_Problem to work on_
Using the entries below, show all lines with the string "extrude".

_Input data_
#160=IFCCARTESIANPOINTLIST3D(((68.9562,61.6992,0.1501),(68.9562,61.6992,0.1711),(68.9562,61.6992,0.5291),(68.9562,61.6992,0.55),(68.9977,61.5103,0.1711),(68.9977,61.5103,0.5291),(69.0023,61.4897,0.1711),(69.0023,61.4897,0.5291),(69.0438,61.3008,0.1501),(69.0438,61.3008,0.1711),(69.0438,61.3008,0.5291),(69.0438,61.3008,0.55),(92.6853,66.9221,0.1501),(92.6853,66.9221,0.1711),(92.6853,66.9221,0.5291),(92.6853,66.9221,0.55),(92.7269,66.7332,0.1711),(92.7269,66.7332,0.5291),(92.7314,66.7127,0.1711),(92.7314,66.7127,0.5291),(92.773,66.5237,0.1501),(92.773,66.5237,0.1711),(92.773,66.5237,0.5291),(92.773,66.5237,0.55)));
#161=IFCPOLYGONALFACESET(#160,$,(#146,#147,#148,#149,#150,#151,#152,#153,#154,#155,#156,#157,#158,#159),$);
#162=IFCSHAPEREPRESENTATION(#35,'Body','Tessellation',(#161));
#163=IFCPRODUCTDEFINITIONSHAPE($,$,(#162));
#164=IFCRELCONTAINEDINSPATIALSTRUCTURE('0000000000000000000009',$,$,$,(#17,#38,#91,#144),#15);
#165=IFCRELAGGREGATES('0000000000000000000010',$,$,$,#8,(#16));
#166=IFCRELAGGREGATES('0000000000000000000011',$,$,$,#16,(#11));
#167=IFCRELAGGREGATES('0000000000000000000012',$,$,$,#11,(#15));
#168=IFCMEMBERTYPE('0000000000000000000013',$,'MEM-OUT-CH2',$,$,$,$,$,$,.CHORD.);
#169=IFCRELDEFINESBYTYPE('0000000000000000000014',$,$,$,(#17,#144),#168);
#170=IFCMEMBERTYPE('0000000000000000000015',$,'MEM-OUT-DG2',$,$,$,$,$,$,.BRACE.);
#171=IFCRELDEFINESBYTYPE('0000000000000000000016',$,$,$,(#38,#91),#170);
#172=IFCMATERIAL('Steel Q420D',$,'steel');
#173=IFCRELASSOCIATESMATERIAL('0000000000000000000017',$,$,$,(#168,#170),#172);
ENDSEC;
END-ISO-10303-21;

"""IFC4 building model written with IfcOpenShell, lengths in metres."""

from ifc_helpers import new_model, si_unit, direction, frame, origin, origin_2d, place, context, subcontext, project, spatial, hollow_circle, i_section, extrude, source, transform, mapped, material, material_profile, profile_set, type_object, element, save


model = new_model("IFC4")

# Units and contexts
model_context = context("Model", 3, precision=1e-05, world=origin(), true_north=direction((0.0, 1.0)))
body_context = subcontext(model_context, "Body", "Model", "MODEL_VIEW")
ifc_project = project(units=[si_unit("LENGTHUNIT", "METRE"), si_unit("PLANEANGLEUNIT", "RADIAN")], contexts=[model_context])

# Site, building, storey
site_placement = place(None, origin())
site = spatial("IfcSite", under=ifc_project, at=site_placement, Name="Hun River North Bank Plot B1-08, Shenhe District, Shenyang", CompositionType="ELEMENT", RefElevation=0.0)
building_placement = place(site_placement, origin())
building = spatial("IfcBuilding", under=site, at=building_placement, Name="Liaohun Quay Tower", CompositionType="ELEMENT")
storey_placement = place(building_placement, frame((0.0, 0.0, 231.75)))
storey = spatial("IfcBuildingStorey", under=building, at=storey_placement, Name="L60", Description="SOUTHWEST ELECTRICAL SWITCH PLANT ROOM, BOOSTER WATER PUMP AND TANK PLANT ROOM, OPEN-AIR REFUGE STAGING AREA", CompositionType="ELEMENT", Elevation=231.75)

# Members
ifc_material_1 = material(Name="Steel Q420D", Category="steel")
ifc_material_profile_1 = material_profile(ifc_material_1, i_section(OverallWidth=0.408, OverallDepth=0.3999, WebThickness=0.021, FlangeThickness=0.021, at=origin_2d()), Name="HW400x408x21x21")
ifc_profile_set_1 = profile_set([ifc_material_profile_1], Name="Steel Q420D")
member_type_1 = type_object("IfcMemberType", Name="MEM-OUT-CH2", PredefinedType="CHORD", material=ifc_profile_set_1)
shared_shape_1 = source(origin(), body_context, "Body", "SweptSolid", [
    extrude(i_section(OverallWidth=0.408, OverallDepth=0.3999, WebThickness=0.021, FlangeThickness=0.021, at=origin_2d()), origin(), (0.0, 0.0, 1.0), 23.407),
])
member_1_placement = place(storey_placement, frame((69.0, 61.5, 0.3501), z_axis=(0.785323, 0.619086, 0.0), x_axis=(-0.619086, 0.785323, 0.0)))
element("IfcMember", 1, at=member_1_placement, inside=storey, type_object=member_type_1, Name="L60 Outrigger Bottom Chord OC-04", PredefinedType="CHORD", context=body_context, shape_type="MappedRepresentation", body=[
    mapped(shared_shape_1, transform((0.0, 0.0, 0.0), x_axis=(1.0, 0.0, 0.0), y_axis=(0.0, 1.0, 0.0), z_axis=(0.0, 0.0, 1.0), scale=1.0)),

_Completed exercise_
from ifc_helpers import new_model, si_unit, direction, frame, origin, origin_2d, place, context, subcontext, project, spatial, hollow_circle, i_section, extrude, source, transform, mapped, material, material_profile, profile_set, type_object, element, save
    extrude(i_section(OverallWidth=0.408, OverallDepth=0.3999, WebThickness=0.021, FlangeThickness=0.021, at=origin_2d()), origin(), (0.0, 0.0, 1.0), 23.407),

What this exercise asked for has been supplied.